Provided entries:
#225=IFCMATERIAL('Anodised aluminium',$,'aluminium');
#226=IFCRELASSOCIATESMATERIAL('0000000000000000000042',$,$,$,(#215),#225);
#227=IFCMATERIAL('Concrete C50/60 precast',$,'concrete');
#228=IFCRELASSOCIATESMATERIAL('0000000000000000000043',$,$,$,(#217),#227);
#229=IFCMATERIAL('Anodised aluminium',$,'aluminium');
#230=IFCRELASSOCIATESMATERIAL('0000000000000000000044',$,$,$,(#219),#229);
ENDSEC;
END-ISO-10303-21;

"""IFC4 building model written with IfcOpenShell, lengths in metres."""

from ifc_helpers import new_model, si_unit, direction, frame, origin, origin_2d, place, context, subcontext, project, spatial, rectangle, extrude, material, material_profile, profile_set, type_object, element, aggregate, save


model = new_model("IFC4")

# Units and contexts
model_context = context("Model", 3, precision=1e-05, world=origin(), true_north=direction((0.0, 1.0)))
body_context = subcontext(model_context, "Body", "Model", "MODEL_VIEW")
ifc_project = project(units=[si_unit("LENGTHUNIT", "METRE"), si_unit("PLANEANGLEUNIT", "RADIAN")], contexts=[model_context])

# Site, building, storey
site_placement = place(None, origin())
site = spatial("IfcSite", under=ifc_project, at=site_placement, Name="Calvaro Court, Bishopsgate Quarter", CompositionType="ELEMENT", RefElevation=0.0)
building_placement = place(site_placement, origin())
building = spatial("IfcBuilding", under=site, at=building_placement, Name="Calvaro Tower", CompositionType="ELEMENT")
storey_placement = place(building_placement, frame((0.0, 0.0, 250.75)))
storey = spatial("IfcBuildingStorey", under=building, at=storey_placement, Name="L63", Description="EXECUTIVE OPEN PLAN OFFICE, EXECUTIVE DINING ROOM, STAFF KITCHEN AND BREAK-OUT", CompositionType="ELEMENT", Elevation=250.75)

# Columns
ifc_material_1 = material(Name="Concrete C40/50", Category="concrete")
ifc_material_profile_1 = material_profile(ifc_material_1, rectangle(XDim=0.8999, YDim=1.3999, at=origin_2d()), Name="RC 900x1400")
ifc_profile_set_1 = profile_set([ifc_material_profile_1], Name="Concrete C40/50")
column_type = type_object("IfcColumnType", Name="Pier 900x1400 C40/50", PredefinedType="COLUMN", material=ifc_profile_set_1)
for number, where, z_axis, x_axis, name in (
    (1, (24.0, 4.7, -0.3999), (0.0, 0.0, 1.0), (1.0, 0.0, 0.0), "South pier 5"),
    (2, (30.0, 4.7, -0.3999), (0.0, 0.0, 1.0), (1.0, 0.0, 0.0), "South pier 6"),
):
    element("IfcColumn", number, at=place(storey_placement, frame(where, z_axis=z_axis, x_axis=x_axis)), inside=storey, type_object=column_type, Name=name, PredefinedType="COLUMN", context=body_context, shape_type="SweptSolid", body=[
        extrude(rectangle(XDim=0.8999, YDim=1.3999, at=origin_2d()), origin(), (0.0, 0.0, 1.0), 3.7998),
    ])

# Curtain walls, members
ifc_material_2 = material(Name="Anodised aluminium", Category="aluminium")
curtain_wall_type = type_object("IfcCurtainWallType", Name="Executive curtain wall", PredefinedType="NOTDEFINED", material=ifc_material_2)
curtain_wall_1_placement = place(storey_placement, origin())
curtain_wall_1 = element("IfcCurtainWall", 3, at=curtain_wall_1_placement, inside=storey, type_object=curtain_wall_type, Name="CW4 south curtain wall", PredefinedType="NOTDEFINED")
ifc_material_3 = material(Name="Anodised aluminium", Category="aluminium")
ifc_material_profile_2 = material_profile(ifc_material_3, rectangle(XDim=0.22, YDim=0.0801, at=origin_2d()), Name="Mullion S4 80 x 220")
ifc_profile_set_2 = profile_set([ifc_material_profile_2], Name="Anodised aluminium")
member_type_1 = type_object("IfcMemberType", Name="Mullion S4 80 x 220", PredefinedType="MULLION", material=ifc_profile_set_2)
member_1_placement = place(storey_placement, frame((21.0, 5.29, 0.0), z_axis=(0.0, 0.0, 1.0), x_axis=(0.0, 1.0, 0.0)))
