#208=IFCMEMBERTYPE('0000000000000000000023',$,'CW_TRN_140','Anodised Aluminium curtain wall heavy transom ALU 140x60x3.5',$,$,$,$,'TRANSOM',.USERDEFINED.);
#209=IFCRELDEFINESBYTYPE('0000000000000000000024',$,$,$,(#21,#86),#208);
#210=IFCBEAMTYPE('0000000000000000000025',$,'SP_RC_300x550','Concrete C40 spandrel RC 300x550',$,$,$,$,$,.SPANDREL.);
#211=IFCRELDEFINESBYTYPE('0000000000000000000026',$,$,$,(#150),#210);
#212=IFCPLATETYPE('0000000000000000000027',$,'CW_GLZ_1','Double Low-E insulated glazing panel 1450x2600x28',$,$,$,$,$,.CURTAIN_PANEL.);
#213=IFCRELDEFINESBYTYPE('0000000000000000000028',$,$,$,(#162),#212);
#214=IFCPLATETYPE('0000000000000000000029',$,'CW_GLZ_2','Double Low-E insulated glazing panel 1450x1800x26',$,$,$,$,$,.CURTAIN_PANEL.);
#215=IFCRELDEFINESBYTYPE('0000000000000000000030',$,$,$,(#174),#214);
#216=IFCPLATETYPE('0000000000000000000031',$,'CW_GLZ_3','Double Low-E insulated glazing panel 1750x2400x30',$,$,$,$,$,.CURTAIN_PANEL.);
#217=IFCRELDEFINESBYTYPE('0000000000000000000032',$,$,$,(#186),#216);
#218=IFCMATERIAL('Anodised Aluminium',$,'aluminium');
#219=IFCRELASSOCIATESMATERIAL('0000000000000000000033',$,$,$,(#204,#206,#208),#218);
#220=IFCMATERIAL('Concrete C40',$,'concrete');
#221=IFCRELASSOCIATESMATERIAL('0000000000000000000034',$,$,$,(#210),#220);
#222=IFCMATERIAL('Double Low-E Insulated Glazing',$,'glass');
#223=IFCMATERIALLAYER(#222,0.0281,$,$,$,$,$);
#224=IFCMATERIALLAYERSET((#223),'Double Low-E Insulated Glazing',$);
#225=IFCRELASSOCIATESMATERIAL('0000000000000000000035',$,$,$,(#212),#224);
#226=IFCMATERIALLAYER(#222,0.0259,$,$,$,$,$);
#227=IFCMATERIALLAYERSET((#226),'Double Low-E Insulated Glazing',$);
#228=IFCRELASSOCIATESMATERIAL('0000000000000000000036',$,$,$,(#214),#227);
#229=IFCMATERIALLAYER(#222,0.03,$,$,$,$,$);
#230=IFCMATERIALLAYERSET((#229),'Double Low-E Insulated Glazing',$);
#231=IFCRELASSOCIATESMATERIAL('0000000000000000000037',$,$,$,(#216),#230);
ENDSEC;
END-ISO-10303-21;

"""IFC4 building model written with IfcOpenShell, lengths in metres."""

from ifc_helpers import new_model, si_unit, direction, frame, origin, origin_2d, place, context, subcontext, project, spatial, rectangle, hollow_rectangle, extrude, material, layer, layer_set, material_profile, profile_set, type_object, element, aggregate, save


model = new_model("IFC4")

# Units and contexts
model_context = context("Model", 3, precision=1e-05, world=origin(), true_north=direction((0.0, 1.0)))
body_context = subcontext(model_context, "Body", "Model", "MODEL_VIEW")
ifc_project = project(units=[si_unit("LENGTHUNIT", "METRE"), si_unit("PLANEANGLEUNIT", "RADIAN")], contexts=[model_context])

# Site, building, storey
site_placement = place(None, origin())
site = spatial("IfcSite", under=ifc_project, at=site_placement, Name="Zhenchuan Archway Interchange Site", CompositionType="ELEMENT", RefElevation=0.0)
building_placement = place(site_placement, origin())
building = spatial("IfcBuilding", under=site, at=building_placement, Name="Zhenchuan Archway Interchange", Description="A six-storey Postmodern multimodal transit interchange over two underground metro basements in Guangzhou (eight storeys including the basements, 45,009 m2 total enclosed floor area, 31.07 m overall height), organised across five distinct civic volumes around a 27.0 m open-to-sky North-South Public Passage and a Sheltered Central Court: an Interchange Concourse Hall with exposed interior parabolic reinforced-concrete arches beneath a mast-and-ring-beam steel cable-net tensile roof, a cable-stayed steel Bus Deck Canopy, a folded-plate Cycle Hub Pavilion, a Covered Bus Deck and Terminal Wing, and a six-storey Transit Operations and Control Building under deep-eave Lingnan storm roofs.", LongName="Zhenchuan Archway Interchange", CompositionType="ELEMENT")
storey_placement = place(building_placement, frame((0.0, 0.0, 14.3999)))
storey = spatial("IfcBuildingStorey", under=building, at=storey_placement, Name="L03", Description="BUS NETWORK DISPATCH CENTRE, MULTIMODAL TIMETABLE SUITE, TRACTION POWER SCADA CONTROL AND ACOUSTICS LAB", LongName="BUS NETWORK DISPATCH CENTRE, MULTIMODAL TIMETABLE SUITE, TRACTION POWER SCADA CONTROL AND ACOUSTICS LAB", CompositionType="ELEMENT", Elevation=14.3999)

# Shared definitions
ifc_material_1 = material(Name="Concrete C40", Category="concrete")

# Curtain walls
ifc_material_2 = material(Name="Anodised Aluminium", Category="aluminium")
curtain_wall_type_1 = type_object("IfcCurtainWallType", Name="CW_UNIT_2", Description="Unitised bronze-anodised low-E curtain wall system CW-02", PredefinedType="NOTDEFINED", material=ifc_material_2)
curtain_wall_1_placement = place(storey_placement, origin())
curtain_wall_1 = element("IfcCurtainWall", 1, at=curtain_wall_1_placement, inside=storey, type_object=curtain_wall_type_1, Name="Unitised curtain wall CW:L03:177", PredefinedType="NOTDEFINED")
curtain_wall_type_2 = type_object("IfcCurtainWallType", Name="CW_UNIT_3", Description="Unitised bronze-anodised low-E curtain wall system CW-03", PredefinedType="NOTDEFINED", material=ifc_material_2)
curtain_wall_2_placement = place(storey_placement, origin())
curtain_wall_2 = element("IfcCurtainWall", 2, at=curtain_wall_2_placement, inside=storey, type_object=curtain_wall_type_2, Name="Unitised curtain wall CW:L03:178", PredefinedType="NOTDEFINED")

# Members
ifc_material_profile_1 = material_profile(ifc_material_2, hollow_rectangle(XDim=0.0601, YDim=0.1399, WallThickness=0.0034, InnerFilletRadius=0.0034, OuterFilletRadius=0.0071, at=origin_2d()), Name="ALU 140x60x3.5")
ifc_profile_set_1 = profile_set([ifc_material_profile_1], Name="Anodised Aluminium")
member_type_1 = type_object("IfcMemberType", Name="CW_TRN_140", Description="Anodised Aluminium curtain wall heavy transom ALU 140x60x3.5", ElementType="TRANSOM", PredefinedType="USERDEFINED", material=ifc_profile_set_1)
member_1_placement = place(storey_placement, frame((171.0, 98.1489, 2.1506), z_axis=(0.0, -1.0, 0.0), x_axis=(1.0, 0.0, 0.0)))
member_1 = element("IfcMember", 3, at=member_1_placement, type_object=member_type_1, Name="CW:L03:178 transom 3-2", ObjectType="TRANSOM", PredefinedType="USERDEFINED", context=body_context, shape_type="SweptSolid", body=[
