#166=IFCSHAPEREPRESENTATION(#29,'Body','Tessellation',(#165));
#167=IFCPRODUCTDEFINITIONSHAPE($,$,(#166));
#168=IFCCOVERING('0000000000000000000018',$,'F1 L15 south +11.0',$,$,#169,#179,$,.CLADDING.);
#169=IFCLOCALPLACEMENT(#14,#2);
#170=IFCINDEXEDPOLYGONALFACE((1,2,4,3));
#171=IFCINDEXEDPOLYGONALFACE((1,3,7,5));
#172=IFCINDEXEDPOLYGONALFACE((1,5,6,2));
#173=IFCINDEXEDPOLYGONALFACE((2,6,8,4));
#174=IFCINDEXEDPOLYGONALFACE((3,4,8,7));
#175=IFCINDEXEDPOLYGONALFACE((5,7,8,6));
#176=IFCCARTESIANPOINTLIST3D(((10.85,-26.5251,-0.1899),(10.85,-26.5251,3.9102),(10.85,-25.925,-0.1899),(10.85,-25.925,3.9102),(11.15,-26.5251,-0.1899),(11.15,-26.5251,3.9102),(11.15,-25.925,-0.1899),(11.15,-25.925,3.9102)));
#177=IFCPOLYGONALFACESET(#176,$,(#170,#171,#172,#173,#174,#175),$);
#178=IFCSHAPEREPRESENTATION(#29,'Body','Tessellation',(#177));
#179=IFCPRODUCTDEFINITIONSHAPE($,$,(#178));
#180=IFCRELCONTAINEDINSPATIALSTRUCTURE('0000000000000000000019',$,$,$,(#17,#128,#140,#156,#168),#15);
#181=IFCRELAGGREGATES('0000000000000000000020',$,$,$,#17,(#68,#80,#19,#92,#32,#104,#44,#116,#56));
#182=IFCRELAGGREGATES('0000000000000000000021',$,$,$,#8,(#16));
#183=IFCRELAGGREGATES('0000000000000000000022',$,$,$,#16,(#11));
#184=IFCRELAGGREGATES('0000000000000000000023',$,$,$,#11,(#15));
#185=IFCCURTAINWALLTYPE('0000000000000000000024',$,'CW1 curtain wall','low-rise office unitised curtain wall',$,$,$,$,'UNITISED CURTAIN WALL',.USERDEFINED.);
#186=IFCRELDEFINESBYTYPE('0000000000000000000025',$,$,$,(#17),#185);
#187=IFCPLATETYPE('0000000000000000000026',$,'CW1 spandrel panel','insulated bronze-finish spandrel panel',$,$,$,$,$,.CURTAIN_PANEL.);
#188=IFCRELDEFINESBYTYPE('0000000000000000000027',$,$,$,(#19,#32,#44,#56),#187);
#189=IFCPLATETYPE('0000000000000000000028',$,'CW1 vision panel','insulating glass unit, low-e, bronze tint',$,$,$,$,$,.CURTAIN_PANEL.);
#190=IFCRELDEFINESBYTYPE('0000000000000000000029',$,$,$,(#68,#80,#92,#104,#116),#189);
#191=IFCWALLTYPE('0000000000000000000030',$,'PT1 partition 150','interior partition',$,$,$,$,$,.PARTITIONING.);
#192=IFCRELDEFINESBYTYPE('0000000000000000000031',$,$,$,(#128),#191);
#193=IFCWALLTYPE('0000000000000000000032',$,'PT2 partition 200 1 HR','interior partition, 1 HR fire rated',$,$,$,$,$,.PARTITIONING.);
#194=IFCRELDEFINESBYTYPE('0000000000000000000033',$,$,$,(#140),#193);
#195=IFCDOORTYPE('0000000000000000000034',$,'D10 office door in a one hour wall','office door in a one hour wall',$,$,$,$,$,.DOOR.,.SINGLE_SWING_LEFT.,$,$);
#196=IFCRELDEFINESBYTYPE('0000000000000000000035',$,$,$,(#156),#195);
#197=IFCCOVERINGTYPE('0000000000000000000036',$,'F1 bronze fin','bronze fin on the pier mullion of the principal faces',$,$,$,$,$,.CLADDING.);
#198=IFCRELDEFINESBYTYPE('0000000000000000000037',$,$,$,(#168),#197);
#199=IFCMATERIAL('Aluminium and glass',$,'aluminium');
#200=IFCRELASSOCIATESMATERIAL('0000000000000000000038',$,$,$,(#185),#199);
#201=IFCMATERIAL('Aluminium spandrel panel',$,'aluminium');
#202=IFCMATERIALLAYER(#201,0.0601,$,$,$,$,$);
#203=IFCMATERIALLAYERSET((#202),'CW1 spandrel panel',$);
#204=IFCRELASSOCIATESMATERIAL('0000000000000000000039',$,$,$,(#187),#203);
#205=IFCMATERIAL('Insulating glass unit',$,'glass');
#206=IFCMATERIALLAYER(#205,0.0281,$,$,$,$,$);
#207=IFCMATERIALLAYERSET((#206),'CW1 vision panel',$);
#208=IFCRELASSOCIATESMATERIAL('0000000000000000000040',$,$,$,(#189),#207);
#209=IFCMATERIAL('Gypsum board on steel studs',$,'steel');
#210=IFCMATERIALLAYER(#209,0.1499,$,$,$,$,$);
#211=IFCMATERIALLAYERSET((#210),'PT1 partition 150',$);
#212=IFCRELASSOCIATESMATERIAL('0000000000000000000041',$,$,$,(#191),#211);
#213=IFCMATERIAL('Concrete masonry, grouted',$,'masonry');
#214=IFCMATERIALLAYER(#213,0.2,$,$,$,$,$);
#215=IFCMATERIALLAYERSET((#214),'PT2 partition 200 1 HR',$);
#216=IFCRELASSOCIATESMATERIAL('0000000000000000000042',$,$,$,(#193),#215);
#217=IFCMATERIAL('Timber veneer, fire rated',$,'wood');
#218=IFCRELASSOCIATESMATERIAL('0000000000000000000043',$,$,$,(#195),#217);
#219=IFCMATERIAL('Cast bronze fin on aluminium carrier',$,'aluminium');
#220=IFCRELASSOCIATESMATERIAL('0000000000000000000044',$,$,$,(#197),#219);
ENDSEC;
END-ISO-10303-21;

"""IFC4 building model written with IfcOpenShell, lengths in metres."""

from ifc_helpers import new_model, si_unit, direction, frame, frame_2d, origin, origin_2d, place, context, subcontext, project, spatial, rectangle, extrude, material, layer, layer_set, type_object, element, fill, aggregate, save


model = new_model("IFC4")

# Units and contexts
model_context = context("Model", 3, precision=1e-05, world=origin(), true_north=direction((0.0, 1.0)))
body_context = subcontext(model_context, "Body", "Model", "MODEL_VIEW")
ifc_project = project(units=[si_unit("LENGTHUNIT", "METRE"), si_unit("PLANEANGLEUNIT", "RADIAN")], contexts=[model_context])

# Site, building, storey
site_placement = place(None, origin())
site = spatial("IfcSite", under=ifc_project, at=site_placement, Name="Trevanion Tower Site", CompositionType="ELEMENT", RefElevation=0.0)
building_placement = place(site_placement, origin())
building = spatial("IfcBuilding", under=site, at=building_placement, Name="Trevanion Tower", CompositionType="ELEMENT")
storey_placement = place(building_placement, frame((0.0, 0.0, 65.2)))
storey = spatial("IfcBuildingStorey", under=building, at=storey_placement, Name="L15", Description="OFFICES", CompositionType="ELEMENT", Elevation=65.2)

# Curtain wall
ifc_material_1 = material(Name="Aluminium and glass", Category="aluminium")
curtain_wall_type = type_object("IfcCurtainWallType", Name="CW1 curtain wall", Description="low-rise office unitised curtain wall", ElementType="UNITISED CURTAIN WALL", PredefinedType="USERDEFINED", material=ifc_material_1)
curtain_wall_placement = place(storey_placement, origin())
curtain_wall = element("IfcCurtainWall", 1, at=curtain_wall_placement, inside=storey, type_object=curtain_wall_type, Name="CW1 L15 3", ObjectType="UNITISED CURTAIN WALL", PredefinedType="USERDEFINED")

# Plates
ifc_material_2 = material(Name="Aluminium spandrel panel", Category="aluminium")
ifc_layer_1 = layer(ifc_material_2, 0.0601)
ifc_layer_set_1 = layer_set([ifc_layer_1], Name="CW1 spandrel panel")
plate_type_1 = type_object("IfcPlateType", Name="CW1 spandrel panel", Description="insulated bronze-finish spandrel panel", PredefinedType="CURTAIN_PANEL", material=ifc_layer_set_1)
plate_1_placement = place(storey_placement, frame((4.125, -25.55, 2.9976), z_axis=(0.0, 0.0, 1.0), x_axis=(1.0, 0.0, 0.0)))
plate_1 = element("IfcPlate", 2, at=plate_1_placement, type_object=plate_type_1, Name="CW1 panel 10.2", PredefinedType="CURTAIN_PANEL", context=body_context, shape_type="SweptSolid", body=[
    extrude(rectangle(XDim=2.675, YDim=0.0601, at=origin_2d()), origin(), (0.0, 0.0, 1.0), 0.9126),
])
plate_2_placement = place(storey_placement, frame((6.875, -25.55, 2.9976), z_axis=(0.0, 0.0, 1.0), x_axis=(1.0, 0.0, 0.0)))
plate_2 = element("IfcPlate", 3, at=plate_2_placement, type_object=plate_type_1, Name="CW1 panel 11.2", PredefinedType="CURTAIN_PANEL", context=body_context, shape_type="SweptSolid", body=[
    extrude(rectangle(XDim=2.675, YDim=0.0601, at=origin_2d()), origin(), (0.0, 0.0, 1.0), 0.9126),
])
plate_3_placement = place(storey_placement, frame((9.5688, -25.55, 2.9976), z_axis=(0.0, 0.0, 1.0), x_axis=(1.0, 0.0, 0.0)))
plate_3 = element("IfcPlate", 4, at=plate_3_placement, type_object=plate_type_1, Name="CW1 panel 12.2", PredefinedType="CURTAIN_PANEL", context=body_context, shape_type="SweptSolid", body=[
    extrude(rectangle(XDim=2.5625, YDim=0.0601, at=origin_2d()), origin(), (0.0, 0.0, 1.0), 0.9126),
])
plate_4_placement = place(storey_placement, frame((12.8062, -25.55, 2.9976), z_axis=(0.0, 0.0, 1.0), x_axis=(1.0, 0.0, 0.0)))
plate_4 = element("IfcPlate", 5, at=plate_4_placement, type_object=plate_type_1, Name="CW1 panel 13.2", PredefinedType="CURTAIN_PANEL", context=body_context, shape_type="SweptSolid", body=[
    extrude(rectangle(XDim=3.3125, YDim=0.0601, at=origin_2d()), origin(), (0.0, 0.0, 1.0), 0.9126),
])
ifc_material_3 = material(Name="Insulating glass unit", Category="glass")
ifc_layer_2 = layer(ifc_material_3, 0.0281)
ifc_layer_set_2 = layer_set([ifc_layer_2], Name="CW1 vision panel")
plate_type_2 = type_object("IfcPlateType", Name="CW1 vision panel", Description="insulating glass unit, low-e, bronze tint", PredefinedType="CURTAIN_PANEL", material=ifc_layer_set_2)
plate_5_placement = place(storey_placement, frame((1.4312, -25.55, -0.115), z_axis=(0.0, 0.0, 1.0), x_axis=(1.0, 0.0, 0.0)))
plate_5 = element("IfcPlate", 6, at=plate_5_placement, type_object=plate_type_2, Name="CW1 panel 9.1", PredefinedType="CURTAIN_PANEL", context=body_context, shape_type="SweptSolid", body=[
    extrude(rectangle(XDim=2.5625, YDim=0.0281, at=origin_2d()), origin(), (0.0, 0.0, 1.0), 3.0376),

Your objective:
Everything above from the line containing "the principal faces',$,$,$,$,$,.CLADDING.);" through the line containing "#199=IFCMATERIAL('Aluminium and glass',$,'aluminium');" must be copied exactly. Nothing outside that range belongs in the answer.

Answer section:
#197=IFCCOVERINGTYPE('0000000000000000000036',$,'F1 bronze fin','bronze fin on the pier mullion of the principal faces',$,$,$,$,$,.CLADDING.);
#198=IFCRELDEFINESBYTYPE('0000000000000000000037',$,$,$,(#168),#197);
#199=IFCMATERIAL('Aluminium and glass',$,'aluminium');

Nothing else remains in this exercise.